Extracted data entries ▸

◇ ◇ ◇ ◇ ◇ ◇ ◇

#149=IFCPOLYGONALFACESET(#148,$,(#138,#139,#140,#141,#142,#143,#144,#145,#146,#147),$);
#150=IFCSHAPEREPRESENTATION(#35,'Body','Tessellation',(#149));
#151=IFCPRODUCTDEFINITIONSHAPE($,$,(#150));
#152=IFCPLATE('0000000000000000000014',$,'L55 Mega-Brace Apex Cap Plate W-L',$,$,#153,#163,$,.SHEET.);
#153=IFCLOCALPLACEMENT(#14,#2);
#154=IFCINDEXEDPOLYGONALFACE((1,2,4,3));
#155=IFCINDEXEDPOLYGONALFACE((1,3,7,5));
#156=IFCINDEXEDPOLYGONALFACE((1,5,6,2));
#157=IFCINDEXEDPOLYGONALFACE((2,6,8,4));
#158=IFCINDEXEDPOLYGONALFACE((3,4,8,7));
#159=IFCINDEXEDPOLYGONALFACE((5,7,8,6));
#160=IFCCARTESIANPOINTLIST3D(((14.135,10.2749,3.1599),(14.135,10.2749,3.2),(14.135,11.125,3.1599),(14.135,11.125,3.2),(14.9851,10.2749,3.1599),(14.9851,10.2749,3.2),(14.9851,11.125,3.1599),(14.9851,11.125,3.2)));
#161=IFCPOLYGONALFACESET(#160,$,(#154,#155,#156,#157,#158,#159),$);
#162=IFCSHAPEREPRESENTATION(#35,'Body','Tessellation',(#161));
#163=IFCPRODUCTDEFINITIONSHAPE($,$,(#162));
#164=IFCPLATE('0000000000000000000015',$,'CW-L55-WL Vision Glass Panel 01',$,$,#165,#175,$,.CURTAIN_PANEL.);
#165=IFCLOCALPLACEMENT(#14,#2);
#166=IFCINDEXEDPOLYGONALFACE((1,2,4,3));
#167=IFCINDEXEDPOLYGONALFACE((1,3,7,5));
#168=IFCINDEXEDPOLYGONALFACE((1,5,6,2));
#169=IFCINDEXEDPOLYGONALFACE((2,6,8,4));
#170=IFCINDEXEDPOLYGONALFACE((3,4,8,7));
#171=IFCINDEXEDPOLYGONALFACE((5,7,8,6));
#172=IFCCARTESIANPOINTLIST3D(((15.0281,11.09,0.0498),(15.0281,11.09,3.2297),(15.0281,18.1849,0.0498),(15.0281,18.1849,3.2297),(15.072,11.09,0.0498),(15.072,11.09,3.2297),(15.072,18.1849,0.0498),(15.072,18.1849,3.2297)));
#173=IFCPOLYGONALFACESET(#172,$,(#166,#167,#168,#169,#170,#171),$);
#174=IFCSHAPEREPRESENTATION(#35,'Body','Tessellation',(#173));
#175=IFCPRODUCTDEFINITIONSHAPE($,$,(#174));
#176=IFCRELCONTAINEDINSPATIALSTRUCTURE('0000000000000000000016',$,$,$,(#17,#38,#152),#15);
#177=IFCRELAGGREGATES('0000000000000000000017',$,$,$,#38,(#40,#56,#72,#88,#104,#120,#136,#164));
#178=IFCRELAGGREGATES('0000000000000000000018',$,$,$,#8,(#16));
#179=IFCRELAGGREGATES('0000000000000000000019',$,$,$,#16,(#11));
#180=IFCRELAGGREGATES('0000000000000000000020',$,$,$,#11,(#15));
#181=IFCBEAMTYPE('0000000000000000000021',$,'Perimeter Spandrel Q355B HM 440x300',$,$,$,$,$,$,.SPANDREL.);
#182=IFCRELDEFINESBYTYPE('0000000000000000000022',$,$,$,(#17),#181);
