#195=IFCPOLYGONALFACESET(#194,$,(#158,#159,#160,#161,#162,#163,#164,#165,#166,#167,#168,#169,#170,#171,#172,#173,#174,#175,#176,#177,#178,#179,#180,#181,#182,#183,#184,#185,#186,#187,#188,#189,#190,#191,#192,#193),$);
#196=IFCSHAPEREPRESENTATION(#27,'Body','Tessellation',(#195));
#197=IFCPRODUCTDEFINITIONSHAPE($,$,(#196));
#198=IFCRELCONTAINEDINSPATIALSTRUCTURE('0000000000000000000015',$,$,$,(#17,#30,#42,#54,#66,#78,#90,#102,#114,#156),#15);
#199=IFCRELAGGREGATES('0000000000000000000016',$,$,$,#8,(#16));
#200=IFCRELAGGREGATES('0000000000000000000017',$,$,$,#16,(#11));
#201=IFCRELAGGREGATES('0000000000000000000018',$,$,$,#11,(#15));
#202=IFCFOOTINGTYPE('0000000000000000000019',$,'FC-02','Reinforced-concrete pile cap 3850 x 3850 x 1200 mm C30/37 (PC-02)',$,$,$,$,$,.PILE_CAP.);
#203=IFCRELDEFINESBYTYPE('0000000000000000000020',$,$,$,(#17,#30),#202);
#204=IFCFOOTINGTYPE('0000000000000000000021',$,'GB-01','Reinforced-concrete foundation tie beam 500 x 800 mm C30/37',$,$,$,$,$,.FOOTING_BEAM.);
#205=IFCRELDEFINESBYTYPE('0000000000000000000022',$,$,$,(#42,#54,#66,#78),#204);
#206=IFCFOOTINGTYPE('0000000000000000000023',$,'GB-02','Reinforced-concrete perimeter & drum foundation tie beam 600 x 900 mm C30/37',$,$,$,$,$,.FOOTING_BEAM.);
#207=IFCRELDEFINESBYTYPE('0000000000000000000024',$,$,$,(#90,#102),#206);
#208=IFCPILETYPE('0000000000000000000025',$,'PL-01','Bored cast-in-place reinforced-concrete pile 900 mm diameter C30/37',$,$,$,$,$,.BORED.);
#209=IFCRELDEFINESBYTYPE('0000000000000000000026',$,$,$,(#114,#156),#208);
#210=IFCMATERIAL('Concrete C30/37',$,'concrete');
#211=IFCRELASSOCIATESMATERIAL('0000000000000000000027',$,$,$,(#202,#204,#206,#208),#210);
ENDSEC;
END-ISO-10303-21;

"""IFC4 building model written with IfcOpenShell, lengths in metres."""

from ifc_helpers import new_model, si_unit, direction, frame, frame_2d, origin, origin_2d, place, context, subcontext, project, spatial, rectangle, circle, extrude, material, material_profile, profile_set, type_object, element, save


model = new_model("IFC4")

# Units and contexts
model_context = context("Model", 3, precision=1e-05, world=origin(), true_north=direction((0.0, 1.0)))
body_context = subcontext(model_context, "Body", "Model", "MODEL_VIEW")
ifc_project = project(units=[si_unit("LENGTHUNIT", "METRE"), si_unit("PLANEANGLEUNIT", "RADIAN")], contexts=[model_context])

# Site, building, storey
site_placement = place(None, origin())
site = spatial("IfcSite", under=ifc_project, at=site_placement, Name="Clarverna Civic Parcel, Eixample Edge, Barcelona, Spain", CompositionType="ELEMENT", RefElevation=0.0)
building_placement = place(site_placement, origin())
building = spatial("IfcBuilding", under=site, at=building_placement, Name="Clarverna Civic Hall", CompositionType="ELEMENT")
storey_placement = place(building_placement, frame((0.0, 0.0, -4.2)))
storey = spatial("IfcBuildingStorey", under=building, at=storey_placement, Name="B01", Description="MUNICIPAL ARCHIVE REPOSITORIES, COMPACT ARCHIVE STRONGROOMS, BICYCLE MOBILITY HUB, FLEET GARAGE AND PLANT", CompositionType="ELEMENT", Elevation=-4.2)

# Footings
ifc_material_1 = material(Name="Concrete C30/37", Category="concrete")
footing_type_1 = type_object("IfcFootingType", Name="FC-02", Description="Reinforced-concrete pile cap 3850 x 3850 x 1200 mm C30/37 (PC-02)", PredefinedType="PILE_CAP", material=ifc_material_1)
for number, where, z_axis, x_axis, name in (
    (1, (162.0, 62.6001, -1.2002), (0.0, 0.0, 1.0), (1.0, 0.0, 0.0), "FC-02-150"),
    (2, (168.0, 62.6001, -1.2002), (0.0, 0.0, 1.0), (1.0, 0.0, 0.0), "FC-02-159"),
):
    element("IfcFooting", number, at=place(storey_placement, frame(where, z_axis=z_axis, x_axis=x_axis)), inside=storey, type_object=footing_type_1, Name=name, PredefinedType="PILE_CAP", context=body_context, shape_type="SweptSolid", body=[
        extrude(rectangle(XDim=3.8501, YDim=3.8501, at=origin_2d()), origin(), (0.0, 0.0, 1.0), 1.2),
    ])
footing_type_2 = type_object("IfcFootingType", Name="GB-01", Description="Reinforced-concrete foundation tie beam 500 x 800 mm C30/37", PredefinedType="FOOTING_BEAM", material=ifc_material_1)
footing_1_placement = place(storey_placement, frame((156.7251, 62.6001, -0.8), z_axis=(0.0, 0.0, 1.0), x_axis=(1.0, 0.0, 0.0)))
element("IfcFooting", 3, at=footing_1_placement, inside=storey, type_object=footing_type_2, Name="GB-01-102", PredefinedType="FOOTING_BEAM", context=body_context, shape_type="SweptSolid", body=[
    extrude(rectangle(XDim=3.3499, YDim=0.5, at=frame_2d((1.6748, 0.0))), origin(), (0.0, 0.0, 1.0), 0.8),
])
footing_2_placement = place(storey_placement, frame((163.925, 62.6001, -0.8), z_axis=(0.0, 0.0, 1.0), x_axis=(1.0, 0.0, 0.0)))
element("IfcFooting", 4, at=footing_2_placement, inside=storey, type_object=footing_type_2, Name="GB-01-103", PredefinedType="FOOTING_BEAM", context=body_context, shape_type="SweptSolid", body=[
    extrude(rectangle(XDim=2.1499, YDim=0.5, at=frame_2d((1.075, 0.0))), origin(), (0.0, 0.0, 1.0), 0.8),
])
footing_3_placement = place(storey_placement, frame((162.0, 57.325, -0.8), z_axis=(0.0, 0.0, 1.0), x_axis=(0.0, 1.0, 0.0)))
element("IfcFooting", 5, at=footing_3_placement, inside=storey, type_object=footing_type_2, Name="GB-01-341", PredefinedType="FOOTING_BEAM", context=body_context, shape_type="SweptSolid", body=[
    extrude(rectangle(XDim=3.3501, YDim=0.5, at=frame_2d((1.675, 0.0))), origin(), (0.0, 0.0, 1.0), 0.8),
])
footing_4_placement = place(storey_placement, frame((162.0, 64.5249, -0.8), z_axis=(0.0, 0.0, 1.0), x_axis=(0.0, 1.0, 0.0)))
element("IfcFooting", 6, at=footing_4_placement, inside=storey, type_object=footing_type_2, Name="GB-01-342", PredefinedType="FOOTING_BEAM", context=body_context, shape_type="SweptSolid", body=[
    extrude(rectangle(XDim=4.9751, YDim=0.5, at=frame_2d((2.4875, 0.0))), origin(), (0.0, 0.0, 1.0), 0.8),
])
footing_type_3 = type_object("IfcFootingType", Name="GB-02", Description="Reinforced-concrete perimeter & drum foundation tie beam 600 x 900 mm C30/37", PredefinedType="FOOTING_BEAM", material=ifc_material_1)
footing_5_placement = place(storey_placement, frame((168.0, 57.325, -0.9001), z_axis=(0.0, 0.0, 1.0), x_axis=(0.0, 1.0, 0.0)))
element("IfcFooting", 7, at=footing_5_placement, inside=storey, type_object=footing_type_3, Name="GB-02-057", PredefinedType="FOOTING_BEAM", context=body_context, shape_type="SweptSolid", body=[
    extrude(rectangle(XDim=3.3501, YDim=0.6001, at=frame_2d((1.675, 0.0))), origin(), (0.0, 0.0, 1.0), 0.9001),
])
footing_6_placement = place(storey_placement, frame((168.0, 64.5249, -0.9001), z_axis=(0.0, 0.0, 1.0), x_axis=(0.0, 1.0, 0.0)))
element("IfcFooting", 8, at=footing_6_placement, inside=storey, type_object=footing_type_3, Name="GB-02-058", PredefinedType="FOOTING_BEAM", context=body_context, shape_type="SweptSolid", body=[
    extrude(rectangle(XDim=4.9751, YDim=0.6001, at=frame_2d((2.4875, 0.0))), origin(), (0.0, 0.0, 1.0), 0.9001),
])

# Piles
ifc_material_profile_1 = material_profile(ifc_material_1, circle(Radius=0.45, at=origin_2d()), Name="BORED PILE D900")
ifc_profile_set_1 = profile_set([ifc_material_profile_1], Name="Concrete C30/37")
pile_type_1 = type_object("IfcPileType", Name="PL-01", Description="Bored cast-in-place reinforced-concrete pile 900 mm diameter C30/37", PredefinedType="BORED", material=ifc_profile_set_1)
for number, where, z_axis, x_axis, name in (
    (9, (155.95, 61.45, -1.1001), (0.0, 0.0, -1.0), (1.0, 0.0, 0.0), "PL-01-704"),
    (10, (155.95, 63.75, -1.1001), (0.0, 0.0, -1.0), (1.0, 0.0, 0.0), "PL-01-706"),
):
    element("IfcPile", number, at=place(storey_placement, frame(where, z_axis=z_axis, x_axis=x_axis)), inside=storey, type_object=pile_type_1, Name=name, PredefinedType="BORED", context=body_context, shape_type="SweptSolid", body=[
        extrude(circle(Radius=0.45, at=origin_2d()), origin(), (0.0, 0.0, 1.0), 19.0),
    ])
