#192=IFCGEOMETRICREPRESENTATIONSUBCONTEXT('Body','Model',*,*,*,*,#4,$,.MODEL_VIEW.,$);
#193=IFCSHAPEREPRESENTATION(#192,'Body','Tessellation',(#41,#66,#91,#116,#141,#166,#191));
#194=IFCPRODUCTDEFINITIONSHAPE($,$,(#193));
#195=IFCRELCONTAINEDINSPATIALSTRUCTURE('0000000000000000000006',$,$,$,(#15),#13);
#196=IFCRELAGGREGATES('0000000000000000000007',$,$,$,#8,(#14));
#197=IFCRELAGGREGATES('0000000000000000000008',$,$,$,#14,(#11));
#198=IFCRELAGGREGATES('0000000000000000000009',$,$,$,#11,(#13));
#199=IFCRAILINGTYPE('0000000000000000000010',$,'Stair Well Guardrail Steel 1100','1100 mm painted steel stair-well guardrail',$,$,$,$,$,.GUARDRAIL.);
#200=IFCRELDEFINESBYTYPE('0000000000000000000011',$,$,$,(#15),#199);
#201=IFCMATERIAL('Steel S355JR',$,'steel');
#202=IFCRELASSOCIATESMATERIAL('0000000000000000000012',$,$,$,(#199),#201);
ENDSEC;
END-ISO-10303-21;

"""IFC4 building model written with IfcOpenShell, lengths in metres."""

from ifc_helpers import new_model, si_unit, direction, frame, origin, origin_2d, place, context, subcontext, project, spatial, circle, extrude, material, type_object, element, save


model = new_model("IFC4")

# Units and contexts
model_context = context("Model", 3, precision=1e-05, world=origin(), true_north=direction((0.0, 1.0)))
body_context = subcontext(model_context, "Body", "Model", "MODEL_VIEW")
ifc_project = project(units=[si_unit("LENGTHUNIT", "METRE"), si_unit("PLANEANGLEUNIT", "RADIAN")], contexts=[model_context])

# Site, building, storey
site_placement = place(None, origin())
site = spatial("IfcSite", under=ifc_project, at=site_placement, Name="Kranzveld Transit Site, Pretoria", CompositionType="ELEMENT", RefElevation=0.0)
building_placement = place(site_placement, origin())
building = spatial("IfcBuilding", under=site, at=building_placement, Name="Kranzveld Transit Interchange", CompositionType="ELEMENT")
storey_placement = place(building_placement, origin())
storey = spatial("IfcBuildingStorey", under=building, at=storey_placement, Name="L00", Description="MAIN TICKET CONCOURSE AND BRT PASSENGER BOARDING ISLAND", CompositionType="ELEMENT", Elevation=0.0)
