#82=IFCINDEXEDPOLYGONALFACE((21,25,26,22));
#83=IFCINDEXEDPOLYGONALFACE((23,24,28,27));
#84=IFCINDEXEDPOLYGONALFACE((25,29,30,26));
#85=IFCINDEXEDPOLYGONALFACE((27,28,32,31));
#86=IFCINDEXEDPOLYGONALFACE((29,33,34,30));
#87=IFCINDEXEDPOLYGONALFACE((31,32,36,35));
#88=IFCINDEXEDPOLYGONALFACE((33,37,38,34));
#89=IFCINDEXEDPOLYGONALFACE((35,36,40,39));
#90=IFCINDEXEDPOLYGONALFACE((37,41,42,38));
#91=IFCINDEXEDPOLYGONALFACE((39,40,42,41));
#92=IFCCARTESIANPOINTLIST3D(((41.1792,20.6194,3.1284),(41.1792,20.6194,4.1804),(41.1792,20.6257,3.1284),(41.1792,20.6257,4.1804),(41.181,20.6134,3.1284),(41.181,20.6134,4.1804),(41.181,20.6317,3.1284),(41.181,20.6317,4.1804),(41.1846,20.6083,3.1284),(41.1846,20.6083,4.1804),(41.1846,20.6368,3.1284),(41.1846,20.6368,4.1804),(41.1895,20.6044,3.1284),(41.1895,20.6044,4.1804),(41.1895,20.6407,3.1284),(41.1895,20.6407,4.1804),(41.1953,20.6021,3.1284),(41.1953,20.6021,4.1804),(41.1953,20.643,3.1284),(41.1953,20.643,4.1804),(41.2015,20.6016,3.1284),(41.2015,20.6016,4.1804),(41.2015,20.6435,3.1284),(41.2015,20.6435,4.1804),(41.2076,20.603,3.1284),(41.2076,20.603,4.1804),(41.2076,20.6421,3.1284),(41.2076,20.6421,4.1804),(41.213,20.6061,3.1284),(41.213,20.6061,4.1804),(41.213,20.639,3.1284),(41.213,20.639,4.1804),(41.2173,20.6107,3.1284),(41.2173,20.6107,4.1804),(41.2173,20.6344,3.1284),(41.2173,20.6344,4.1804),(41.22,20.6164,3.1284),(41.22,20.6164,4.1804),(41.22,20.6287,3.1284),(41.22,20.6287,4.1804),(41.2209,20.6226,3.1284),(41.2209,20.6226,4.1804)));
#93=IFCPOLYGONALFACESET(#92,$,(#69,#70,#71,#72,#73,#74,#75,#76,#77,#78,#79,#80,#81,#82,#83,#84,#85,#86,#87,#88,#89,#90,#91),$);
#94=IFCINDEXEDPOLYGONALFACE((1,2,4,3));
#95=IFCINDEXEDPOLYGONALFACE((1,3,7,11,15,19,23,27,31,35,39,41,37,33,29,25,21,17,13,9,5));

◇ ◇ ◇ ◇ ◇ ◇ ◇

In the entries above, how many lines hold "direction"? Answer with the number alone.

The completed task ▸
4